• [Task to carry out]: The required output is the exact run of lines below that opens at the line with "Spandrel Cladding (L34-E13)',$,$,#31,#41,$,.CLADDING.);" and closes at the line with "#37=IFCINDEXEDPOLYGONALFACE((5,7,8,6));".

• [Supplied data]:
***
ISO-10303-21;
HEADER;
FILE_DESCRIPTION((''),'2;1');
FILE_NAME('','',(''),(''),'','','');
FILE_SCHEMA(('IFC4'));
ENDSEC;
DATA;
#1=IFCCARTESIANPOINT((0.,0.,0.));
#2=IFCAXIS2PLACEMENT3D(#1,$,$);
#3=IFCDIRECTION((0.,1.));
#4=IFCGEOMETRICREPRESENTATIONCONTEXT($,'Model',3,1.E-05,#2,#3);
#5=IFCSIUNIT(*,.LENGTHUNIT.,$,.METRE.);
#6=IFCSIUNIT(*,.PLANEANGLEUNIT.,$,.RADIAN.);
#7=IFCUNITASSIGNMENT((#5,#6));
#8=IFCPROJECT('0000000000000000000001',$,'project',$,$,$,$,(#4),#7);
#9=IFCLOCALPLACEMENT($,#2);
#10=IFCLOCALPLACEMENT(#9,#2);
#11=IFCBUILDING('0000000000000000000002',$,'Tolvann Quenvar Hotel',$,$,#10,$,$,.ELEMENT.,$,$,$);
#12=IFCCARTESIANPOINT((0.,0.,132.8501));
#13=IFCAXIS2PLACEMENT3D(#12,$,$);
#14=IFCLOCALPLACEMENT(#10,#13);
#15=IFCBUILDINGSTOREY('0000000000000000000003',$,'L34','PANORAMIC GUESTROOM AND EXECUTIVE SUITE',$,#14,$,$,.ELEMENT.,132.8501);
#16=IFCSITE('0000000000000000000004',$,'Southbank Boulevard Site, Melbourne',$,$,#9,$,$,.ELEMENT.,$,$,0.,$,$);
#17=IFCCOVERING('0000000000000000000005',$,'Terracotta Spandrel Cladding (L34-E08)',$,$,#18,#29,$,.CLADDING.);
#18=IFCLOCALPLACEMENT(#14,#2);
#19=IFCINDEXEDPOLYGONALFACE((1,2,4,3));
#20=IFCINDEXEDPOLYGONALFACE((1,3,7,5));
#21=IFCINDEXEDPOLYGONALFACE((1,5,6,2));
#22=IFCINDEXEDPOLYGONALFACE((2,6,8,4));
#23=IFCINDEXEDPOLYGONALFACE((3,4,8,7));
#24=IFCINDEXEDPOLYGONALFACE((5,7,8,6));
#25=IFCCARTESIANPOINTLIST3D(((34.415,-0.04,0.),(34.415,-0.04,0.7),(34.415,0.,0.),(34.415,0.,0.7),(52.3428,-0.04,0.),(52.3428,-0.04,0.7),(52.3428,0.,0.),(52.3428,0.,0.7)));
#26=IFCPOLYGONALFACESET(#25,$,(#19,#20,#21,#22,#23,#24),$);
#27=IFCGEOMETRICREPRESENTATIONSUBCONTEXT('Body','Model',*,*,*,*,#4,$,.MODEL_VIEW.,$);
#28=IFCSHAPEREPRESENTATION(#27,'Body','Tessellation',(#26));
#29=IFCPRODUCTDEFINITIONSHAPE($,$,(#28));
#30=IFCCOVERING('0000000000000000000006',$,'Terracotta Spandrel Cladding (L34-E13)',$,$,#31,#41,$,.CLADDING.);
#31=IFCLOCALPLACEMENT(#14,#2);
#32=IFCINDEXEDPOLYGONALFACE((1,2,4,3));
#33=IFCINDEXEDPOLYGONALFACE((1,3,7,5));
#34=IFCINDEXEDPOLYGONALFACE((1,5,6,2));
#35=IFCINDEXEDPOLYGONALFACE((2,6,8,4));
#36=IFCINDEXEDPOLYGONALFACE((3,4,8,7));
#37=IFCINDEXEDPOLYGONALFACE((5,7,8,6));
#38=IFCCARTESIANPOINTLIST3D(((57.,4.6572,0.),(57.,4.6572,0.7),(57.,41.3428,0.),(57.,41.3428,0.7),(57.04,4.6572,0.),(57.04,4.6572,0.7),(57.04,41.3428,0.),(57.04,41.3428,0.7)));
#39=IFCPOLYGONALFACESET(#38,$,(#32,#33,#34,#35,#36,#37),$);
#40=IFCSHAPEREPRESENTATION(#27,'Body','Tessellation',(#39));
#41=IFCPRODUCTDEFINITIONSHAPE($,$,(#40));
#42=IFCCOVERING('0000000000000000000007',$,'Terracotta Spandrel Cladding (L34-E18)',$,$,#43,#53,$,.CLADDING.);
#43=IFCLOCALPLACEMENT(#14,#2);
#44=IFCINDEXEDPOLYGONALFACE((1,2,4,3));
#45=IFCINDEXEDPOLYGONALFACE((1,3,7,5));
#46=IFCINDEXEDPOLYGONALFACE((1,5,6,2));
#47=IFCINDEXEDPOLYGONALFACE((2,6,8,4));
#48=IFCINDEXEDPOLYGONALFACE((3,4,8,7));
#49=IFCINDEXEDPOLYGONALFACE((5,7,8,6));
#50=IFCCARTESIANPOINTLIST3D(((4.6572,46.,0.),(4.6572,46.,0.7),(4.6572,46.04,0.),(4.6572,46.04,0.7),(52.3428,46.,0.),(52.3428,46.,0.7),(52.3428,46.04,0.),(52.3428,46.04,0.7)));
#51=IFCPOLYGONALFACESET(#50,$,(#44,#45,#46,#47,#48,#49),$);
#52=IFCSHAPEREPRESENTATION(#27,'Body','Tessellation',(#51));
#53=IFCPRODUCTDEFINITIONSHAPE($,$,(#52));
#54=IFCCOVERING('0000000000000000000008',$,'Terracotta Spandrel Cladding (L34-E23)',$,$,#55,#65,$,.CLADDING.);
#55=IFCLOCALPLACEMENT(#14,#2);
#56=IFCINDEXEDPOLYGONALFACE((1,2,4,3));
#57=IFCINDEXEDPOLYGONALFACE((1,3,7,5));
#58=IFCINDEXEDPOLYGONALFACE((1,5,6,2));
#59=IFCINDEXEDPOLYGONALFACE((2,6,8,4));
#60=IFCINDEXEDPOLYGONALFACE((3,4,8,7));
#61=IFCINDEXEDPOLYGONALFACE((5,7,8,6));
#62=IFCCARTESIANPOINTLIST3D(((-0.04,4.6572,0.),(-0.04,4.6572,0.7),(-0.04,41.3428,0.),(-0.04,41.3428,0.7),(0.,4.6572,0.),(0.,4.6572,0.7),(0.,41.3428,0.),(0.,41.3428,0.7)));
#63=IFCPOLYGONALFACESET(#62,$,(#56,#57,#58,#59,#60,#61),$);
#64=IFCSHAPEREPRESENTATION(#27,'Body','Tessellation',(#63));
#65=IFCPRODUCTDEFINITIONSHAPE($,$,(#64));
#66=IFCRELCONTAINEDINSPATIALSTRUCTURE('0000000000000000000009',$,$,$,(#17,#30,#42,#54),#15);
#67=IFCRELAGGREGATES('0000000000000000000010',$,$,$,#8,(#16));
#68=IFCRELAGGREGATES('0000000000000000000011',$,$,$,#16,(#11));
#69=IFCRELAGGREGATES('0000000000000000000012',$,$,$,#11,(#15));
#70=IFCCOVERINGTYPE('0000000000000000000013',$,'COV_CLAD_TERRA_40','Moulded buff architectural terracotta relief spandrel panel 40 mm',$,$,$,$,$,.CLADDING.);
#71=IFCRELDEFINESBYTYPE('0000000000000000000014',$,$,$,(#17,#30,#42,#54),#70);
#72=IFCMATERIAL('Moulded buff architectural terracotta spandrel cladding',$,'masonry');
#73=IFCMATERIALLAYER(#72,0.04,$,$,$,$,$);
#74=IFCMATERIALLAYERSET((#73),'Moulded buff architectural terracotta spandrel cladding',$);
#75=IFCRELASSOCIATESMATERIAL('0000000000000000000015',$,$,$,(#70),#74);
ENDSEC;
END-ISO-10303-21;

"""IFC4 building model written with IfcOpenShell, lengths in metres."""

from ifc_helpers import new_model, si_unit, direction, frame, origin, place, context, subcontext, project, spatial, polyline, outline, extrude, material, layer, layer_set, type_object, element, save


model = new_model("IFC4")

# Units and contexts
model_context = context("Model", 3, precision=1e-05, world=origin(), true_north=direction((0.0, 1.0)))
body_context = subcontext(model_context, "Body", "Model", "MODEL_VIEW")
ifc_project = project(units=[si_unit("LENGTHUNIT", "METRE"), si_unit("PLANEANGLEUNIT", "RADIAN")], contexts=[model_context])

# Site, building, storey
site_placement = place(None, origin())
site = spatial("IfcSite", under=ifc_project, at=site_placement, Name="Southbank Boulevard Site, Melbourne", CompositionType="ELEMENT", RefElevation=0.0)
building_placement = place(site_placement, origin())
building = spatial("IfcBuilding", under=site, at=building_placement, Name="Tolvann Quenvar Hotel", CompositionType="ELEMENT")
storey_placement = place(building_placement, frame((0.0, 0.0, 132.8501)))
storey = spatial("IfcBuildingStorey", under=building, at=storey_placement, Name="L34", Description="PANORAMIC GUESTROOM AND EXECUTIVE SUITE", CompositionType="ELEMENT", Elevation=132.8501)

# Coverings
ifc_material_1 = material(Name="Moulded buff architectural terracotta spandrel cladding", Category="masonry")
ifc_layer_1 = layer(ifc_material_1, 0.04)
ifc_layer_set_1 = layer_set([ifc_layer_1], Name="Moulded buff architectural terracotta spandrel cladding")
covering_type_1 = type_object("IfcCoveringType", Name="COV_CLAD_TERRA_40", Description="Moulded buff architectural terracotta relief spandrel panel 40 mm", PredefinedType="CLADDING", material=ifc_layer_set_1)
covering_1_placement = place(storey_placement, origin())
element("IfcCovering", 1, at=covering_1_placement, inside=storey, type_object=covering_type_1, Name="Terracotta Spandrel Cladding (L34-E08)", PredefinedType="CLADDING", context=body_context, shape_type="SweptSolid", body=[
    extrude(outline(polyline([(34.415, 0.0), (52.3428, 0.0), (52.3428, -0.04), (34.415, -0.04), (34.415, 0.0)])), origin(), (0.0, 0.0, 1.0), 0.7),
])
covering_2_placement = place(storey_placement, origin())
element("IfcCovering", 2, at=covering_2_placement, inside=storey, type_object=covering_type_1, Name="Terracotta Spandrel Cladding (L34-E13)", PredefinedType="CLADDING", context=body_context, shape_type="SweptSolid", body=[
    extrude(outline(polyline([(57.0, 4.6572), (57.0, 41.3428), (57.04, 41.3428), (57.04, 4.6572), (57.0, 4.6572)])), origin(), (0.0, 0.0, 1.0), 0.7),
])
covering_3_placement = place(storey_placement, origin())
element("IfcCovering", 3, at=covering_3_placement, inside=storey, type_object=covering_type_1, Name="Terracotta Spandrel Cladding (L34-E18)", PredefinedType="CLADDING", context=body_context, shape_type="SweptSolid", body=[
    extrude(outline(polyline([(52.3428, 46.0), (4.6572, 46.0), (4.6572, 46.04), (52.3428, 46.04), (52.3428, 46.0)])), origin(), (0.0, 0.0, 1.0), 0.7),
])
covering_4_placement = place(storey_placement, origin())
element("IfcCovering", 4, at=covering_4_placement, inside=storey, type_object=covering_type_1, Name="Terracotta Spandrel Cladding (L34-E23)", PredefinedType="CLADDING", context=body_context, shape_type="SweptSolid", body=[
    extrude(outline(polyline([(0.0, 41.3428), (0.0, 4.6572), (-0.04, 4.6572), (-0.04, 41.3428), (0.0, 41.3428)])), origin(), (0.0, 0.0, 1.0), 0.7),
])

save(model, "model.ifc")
***
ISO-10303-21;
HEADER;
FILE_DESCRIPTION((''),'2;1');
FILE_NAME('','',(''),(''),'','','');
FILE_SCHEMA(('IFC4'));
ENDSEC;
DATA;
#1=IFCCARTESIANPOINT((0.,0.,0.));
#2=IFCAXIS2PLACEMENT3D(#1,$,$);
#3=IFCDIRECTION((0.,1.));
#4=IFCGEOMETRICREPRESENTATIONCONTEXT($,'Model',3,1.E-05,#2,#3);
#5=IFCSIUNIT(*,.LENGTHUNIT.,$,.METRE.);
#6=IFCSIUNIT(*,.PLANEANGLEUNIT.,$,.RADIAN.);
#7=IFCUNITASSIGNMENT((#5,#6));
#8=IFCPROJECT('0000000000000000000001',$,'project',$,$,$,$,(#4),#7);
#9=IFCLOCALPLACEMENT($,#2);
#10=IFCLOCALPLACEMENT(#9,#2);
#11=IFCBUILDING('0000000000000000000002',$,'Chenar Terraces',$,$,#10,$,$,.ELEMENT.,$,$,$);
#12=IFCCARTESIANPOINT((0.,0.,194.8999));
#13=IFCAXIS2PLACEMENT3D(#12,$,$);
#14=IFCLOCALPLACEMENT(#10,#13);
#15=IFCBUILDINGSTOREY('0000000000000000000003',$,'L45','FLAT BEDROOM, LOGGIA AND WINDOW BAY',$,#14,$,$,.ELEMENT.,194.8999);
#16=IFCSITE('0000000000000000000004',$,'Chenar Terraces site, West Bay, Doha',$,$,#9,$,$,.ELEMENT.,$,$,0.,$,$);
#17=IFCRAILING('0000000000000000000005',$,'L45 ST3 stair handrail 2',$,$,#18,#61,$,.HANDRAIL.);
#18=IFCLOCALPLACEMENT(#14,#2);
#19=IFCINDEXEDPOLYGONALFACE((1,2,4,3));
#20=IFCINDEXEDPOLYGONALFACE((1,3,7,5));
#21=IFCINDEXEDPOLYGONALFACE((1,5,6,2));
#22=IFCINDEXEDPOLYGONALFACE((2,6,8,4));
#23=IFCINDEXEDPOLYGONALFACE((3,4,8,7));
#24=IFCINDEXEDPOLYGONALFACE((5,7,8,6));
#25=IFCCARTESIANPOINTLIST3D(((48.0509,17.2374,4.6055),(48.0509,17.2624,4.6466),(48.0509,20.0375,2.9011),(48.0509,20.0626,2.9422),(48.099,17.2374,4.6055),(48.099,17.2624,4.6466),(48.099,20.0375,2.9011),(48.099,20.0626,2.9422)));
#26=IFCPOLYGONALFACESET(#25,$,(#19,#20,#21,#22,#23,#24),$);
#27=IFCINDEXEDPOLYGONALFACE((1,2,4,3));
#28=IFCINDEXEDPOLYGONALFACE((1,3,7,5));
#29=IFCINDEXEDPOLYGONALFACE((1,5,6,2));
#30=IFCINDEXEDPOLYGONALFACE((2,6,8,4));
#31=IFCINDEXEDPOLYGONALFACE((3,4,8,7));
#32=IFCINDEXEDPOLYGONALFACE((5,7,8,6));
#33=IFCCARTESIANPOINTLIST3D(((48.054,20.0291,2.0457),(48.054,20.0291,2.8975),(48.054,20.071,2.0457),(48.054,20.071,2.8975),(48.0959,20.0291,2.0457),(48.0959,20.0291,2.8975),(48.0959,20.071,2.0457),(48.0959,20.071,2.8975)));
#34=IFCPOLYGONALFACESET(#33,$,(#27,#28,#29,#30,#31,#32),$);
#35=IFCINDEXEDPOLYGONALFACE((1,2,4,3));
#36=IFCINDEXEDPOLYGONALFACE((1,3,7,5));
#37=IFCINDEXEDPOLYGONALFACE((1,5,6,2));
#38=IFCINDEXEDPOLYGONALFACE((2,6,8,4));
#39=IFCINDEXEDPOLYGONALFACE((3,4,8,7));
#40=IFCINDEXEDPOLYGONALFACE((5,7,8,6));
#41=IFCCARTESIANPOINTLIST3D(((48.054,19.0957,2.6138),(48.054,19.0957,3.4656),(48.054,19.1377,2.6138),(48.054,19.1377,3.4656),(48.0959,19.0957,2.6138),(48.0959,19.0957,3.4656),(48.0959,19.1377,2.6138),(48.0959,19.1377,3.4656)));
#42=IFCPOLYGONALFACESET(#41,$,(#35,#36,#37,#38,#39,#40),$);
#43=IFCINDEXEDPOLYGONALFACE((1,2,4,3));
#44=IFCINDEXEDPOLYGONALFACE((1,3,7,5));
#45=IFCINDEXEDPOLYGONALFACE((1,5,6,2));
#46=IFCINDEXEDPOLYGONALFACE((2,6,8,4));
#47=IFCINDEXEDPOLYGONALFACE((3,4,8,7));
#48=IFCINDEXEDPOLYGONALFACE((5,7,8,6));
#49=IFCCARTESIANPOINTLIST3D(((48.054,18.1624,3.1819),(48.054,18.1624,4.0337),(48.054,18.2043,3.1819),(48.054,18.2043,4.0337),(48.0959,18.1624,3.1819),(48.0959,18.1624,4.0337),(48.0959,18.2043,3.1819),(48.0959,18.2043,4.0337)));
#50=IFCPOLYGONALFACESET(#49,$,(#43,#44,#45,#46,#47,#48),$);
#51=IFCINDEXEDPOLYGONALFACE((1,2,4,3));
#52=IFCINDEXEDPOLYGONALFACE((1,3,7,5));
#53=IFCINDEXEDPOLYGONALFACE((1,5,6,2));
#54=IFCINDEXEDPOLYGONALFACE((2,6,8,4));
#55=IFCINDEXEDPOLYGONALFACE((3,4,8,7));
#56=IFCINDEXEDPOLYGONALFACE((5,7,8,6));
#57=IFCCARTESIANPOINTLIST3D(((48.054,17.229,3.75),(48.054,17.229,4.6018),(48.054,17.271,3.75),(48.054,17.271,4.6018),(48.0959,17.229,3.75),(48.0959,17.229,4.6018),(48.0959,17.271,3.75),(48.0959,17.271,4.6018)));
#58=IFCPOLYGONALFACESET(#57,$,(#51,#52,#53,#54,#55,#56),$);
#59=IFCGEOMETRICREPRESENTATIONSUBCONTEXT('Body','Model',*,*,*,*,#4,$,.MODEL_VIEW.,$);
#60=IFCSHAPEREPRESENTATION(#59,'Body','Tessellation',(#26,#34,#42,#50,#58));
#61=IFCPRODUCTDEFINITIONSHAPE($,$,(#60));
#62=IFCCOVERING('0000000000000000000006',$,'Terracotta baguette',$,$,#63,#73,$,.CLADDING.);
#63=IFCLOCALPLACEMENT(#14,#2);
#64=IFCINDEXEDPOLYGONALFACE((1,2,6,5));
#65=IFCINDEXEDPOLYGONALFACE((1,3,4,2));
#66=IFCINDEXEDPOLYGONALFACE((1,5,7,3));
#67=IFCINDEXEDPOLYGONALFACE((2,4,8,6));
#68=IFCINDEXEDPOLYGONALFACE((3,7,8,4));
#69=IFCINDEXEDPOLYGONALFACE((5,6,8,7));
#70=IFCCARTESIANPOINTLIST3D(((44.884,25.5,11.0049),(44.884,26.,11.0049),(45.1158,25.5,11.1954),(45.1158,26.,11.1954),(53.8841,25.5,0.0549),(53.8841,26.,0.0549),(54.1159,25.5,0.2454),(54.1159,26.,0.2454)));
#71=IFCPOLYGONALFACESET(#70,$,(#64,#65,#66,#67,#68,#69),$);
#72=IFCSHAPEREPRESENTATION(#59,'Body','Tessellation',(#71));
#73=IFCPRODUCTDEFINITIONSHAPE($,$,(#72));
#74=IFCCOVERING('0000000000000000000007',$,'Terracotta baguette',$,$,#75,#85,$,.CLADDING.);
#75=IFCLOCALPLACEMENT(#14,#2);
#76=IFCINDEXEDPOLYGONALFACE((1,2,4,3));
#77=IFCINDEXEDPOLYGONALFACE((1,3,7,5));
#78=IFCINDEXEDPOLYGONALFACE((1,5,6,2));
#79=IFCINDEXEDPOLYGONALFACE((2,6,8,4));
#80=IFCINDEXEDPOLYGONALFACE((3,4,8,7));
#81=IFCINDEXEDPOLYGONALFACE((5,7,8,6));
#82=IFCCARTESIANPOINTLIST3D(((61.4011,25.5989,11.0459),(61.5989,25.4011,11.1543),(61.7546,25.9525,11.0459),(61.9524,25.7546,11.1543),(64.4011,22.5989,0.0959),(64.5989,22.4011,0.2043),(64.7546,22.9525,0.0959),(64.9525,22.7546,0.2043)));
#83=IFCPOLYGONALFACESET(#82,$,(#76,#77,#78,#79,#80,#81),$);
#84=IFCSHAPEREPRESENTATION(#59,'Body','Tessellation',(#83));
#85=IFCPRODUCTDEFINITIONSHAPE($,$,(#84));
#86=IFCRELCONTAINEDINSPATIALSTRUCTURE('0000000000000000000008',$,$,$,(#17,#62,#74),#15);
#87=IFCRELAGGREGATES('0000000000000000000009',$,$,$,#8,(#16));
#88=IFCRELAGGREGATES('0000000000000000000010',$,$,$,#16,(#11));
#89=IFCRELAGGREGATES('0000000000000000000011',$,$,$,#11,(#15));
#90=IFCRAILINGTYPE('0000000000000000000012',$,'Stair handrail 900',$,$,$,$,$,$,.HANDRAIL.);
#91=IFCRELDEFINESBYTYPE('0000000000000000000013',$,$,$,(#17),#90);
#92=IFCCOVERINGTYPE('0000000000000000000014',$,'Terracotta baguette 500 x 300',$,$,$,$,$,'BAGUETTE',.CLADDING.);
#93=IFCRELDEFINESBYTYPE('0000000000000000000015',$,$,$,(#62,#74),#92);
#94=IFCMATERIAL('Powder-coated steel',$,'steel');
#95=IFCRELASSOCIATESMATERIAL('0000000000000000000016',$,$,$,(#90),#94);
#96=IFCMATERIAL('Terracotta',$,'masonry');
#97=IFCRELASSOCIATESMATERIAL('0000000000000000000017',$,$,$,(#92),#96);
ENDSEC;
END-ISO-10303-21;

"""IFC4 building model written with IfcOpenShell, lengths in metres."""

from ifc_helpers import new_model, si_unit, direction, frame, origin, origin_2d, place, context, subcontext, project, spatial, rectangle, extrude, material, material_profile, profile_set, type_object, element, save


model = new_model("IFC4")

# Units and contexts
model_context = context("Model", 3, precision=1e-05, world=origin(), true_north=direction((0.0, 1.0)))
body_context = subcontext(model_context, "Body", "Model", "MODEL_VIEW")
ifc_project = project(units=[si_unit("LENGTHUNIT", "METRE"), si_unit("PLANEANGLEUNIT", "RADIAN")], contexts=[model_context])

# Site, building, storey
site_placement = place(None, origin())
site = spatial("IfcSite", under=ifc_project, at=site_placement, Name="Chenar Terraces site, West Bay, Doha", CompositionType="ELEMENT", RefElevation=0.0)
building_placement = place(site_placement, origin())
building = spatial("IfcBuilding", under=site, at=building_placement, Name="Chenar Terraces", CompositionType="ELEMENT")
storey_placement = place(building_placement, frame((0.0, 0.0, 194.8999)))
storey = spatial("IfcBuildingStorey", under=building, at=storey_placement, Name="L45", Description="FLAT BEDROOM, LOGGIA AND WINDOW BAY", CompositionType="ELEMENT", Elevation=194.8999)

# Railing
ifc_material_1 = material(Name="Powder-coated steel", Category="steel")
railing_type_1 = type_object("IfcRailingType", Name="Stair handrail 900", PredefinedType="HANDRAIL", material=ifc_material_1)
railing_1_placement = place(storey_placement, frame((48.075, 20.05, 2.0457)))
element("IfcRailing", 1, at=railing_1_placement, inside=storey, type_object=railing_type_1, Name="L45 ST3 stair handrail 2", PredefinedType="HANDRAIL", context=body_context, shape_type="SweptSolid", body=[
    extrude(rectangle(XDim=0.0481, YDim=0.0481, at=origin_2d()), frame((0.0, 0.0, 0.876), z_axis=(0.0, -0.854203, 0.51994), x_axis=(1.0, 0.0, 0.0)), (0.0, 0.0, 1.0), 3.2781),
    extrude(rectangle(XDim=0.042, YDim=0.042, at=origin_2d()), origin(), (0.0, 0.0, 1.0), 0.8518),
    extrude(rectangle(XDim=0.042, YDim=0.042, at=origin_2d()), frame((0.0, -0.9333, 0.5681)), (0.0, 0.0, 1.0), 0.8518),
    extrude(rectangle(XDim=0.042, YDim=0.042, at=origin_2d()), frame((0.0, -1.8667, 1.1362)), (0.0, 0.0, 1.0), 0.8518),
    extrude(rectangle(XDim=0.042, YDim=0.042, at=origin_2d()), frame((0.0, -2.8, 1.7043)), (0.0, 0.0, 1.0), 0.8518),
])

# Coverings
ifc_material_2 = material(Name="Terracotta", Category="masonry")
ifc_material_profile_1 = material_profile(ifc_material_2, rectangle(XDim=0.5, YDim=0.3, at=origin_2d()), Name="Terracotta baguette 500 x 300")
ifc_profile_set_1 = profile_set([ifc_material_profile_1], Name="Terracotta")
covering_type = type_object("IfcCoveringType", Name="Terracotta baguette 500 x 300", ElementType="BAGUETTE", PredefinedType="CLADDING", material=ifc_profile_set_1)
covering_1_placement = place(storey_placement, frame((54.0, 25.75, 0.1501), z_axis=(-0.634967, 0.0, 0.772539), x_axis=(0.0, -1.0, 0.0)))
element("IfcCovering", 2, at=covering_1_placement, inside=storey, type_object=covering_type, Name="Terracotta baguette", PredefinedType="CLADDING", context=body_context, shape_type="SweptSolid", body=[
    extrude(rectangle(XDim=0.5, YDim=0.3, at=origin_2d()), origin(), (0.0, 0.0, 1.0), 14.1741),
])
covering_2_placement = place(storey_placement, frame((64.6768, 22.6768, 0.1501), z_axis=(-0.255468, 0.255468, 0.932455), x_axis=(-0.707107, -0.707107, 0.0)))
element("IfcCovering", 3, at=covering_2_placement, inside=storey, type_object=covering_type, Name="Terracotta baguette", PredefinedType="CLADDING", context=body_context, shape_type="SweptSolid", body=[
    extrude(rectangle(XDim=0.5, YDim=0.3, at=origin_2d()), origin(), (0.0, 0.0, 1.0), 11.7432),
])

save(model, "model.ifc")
***
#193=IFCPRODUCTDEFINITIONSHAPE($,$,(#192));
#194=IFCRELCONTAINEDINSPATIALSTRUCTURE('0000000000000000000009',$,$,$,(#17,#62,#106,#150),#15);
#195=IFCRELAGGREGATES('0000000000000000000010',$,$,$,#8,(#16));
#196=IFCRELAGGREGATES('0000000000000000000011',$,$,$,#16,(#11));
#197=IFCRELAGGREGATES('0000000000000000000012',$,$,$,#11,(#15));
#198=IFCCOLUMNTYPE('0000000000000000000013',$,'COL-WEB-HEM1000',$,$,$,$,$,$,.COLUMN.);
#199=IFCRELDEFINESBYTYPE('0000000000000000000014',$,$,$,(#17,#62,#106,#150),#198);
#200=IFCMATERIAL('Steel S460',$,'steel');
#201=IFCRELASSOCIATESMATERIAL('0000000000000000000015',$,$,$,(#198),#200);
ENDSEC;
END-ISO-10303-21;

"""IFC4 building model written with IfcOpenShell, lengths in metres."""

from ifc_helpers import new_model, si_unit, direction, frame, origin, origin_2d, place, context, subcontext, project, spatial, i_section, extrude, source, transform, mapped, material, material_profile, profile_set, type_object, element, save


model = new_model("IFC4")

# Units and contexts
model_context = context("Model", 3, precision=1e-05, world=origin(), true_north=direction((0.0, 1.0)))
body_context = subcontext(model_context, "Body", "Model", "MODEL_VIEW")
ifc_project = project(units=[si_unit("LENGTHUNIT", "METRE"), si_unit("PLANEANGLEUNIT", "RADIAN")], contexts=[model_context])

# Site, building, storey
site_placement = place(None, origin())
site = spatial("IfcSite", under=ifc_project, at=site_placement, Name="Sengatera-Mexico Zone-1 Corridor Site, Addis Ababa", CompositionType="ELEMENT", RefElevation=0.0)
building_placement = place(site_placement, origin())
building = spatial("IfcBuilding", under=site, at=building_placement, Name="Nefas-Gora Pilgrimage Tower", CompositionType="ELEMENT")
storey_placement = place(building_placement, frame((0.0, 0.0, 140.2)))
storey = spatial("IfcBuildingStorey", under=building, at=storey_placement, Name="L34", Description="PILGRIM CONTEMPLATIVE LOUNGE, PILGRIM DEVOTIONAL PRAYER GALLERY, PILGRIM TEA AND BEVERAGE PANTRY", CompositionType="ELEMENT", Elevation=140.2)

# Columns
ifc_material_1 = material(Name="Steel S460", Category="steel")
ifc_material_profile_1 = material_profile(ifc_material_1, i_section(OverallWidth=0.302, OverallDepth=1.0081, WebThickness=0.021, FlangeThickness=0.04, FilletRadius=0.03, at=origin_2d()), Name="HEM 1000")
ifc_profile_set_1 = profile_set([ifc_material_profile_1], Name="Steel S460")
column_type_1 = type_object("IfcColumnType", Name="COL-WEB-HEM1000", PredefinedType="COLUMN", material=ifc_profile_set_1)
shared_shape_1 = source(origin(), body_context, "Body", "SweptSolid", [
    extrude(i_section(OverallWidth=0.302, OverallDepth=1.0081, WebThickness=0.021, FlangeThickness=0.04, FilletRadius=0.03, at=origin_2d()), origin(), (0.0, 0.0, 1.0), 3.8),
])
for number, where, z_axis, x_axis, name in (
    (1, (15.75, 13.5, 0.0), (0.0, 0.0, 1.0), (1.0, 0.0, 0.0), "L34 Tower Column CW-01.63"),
***
• [Your solution]:
#30=IFCCOVERING('0000000000000000000006',$,'Terracotta Spandrel Cladding (L34-E13)',$,$,#31,#41,$,.CLADDING.);
#31=IFCLOCALPLACEMENT(#14,#2);
#32=IFCINDEXEDPOLYGONALFACE((1,2,4,3));
#33=IFCINDEXEDPOLYGONALFACE((1,3,7,5));
#34=IFCINDEXEDPOLYGONALFACE((1,5,6,2));
#35=IFCINDEXEDPOLYGONALFACE((2,6,8,4));
#36=IFCINDEXEDPOLYGONALFACE((3,4,8,7));
#37=IFCINDEXEDPOLYGONALFACE((5,7,8,6));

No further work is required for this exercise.